Exercise requirements: From the entries below, copy every line that has the word "Tessellation".

** Listed entries follows **

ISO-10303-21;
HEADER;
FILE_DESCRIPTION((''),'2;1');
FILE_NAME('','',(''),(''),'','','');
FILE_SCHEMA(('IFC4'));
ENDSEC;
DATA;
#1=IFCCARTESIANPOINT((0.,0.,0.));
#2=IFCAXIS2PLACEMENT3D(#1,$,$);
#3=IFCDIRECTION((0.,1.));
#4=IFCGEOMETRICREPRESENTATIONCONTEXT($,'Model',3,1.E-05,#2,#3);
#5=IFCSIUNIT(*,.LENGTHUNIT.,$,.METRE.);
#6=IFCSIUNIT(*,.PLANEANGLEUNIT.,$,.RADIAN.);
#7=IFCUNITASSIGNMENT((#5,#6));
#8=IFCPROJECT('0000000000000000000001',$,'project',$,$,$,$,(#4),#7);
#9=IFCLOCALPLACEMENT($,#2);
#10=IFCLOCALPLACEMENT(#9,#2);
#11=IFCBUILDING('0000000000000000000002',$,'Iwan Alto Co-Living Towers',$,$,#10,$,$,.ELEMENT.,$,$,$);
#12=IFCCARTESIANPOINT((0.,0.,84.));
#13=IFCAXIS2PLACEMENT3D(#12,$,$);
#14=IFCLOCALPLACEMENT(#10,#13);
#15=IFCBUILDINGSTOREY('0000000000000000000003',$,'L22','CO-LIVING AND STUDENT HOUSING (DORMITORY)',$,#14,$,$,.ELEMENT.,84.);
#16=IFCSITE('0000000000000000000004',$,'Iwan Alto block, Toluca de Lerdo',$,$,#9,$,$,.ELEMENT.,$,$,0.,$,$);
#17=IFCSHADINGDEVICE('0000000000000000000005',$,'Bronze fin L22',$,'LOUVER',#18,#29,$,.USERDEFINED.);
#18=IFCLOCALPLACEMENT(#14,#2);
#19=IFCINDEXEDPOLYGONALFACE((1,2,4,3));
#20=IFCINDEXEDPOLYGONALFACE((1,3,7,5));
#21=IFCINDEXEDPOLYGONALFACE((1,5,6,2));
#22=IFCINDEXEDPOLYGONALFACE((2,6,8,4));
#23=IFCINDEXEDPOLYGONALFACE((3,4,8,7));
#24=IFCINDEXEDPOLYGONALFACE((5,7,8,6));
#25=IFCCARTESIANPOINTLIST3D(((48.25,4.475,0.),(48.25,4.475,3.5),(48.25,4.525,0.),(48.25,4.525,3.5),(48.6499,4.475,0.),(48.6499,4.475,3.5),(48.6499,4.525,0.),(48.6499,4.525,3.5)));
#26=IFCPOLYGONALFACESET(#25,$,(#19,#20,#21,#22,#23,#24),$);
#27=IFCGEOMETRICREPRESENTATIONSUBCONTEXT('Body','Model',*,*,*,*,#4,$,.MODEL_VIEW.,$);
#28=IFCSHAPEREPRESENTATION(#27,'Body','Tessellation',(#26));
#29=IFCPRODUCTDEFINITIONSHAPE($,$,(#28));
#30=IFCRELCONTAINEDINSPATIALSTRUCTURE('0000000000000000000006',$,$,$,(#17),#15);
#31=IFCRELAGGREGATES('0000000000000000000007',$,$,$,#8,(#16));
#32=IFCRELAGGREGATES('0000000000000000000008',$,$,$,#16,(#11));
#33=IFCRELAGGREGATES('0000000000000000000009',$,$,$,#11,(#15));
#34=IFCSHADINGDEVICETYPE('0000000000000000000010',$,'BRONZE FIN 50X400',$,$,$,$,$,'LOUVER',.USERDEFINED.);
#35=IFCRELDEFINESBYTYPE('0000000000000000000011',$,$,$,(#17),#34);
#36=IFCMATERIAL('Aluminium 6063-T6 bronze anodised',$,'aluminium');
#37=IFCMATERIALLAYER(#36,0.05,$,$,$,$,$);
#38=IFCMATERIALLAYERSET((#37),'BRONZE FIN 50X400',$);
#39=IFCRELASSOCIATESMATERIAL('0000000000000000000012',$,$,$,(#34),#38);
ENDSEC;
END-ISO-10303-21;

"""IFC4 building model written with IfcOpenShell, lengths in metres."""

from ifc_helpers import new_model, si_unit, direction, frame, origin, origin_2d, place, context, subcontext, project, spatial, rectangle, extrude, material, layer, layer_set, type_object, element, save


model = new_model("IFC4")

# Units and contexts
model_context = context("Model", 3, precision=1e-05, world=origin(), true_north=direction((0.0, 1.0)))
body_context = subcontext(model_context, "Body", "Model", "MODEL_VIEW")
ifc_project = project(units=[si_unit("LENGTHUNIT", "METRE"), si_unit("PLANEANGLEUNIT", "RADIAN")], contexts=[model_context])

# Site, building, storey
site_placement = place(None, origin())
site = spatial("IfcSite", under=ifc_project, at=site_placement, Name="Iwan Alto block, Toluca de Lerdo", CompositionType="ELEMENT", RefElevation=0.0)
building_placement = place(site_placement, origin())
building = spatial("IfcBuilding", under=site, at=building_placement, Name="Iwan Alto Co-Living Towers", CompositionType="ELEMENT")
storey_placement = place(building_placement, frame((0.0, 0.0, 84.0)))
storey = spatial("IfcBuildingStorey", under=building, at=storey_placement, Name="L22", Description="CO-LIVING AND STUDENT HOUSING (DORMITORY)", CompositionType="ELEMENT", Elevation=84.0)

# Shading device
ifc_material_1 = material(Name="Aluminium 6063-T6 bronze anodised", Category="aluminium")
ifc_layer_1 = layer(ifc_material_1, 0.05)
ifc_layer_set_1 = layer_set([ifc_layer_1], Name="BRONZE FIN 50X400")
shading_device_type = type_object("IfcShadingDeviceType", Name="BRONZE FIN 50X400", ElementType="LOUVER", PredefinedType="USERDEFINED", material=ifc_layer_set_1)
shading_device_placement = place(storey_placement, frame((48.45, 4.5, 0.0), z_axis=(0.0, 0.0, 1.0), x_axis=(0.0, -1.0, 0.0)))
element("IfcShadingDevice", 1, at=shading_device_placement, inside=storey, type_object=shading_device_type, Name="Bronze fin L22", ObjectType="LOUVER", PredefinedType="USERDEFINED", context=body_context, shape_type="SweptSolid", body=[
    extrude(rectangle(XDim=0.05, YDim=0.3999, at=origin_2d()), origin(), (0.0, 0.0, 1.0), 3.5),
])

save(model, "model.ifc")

** End of Listed entries **
** Listed entries follows **

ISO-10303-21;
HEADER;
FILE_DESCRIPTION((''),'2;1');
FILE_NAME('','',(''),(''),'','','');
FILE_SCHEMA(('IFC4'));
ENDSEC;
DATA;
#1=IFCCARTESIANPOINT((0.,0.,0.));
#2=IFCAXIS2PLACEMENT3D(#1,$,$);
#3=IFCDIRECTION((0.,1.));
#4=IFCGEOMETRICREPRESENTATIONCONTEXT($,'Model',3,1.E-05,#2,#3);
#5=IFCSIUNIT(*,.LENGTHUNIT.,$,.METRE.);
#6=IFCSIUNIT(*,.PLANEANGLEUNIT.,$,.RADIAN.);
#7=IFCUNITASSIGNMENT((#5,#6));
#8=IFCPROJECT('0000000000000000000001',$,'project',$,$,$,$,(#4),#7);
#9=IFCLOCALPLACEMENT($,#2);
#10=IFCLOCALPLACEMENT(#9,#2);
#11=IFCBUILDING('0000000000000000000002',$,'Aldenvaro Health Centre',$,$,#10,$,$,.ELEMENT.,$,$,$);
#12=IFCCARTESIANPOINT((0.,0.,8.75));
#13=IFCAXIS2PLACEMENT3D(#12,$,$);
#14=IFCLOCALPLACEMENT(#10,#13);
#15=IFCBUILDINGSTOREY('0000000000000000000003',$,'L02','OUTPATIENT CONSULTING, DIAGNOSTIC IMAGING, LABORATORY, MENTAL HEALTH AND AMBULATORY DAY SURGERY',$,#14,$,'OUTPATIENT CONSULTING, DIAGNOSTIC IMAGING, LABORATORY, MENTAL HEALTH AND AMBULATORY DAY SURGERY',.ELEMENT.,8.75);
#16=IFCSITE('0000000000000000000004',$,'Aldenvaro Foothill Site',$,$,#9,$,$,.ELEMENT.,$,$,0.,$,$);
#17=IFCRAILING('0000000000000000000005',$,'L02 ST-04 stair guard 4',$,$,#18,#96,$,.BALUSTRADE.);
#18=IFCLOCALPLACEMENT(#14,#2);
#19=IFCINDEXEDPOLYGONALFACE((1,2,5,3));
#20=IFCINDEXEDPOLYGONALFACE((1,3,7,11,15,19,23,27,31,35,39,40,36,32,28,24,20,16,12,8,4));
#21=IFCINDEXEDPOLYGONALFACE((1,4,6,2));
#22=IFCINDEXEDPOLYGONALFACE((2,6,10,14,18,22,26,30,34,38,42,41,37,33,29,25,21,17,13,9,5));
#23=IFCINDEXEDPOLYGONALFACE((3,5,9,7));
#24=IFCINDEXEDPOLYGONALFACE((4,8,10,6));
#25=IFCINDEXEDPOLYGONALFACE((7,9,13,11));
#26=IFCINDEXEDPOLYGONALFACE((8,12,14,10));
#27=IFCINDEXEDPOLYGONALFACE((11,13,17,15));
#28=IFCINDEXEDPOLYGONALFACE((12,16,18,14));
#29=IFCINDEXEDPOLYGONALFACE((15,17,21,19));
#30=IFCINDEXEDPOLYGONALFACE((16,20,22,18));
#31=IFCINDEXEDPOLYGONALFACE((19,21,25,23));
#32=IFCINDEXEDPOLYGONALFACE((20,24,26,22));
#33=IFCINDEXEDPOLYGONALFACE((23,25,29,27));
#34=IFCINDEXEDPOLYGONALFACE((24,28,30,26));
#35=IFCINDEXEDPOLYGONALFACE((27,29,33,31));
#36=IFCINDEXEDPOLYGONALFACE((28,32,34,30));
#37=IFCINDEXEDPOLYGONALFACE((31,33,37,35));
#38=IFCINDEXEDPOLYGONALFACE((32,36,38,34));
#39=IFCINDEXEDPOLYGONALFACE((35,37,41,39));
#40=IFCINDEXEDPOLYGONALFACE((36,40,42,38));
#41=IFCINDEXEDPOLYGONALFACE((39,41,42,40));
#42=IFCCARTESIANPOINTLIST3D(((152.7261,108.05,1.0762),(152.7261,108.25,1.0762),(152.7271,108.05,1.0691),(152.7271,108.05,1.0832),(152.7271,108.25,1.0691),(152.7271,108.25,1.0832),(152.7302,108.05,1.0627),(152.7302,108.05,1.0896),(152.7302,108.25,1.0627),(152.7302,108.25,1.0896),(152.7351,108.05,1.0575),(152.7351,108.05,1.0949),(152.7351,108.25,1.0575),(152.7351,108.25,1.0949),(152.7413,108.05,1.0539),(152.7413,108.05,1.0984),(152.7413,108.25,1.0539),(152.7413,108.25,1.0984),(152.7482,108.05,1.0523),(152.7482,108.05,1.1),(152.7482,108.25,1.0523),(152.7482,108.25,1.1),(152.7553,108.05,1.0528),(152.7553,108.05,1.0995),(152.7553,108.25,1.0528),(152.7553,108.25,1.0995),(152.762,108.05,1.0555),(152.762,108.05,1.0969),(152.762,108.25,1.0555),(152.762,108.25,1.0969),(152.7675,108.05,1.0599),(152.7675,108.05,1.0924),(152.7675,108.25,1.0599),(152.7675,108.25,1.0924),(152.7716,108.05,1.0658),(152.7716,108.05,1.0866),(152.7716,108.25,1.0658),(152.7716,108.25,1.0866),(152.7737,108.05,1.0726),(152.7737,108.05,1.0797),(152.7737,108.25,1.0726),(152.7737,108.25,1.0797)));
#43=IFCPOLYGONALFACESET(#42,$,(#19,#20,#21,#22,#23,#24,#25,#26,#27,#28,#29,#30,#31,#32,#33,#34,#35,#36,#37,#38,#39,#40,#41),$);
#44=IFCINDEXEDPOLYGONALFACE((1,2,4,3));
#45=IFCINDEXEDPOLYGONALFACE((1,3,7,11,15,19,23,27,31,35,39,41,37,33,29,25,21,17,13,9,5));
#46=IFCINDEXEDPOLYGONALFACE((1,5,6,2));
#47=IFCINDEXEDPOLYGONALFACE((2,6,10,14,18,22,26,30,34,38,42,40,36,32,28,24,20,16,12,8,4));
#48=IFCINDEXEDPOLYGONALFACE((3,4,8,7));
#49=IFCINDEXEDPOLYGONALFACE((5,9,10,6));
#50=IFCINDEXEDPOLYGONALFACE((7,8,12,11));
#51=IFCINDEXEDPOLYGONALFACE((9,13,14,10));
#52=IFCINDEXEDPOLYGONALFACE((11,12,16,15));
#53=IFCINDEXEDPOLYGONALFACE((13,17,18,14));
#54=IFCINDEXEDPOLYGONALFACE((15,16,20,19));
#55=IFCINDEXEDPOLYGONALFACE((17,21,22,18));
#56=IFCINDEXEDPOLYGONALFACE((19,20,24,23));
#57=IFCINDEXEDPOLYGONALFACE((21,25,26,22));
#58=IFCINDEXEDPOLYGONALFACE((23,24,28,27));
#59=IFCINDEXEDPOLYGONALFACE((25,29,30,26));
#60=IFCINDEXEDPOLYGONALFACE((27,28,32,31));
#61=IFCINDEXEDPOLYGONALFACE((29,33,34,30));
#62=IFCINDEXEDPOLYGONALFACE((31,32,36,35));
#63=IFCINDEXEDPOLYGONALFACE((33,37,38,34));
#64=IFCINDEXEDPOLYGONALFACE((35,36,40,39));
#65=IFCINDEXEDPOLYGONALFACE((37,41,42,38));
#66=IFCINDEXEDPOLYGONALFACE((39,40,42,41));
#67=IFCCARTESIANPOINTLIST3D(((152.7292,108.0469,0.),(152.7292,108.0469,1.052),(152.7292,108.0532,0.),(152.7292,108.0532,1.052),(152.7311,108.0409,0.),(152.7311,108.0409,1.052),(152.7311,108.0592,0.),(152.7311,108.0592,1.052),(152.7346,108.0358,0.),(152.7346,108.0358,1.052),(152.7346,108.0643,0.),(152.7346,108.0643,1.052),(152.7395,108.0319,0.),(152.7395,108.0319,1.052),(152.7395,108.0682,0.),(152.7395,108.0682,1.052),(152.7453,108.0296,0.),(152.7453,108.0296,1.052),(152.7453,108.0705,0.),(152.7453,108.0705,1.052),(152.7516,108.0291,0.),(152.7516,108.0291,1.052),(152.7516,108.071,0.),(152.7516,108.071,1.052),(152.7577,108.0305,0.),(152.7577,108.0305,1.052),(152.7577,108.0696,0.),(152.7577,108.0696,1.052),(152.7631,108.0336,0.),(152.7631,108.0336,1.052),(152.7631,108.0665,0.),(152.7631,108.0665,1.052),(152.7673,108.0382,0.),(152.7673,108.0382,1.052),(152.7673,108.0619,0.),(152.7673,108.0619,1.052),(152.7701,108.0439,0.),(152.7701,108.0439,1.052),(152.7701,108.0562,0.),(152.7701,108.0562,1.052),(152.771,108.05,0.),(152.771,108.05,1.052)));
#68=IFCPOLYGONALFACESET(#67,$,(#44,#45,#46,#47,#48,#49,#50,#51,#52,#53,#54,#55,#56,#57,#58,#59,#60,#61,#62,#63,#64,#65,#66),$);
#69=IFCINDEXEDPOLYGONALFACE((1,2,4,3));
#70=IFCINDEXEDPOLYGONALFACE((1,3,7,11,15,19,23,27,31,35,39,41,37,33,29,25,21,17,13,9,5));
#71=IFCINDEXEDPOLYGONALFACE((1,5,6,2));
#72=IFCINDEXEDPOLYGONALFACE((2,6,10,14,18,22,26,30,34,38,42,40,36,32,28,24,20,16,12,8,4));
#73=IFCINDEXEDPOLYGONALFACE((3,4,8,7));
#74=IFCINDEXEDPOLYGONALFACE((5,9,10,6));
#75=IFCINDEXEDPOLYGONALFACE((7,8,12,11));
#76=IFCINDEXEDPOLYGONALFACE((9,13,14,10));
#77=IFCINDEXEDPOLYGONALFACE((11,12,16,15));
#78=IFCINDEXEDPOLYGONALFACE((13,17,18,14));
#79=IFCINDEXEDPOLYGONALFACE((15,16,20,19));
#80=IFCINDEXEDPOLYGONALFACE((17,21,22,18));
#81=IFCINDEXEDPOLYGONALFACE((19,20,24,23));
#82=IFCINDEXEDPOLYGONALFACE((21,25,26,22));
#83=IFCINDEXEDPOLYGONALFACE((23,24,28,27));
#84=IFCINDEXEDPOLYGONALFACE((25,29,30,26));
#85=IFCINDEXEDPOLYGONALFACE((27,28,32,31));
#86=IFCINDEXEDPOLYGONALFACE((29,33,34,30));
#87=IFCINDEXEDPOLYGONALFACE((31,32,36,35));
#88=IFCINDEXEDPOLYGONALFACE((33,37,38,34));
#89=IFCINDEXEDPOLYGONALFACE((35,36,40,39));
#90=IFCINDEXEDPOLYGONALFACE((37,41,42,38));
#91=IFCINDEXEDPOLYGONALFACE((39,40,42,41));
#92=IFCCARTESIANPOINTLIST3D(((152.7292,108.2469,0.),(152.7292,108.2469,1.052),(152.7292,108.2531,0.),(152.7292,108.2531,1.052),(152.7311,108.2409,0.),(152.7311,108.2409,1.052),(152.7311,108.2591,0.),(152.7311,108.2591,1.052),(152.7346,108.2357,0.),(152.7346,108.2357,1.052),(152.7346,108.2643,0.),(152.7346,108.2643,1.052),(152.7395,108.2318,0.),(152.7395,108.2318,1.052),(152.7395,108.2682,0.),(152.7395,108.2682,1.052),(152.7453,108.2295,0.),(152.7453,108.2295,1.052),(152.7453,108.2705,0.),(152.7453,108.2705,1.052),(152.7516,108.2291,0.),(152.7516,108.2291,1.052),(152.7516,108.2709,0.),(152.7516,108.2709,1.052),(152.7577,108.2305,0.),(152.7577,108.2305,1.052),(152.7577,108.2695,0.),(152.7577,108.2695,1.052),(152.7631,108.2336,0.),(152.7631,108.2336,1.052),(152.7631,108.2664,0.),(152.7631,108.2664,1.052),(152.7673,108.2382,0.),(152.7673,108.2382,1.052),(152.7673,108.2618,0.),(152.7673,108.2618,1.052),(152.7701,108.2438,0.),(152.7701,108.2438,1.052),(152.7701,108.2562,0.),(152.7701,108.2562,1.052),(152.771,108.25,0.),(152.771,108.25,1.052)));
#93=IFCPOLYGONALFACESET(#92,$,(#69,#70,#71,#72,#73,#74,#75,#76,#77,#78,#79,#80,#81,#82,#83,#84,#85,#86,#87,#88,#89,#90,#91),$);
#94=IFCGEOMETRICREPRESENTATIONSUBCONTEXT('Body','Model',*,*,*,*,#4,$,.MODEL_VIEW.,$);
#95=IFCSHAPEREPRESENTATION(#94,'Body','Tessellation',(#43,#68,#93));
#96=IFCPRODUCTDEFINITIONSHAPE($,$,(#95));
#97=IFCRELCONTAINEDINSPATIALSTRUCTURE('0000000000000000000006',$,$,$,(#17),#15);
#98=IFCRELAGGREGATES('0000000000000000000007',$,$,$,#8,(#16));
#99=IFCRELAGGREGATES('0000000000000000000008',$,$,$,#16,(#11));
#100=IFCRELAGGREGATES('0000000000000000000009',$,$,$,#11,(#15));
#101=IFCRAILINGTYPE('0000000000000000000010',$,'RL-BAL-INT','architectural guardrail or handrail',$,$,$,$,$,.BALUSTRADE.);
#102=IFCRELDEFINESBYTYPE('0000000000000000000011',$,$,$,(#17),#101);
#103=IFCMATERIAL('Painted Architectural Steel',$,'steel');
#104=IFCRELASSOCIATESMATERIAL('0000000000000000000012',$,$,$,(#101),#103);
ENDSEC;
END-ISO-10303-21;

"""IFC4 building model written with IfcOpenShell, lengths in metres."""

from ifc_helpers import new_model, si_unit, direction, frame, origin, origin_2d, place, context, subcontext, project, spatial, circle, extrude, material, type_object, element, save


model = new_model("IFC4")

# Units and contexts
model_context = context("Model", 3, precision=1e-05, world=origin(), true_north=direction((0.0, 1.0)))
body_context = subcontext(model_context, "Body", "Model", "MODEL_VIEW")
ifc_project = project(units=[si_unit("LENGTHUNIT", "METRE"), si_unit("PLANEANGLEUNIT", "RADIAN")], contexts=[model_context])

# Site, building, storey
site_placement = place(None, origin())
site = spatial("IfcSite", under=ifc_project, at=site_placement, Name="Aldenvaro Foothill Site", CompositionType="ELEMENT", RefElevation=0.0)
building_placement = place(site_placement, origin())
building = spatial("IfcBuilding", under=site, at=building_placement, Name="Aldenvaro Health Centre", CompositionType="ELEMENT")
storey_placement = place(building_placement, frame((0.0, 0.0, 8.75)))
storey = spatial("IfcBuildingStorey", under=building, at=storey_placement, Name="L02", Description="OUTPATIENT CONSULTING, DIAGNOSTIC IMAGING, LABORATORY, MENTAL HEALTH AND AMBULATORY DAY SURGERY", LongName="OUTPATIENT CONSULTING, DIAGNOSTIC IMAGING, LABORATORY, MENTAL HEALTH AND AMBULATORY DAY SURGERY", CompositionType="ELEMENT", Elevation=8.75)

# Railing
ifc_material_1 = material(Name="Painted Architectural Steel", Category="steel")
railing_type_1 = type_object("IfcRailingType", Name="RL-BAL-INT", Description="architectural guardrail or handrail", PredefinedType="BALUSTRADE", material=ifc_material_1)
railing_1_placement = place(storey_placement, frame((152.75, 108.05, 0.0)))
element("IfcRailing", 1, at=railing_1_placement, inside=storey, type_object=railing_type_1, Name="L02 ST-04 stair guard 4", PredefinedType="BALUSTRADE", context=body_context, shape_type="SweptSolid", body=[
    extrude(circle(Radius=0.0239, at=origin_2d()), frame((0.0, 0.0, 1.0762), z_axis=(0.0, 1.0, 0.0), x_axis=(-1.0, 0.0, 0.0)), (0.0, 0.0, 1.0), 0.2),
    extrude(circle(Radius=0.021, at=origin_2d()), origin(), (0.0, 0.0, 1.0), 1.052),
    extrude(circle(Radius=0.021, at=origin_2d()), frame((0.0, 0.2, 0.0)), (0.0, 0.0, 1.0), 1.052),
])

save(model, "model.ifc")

** End of Listed entries **

Exercise response:
#28=IFCSHAPEREPRESENTATION(#27,'Body','Tessellation',(#26));
#95=IFCSHAPEREPRESENTATION(#94,'Body','Tessellation',(#43,#68,#93));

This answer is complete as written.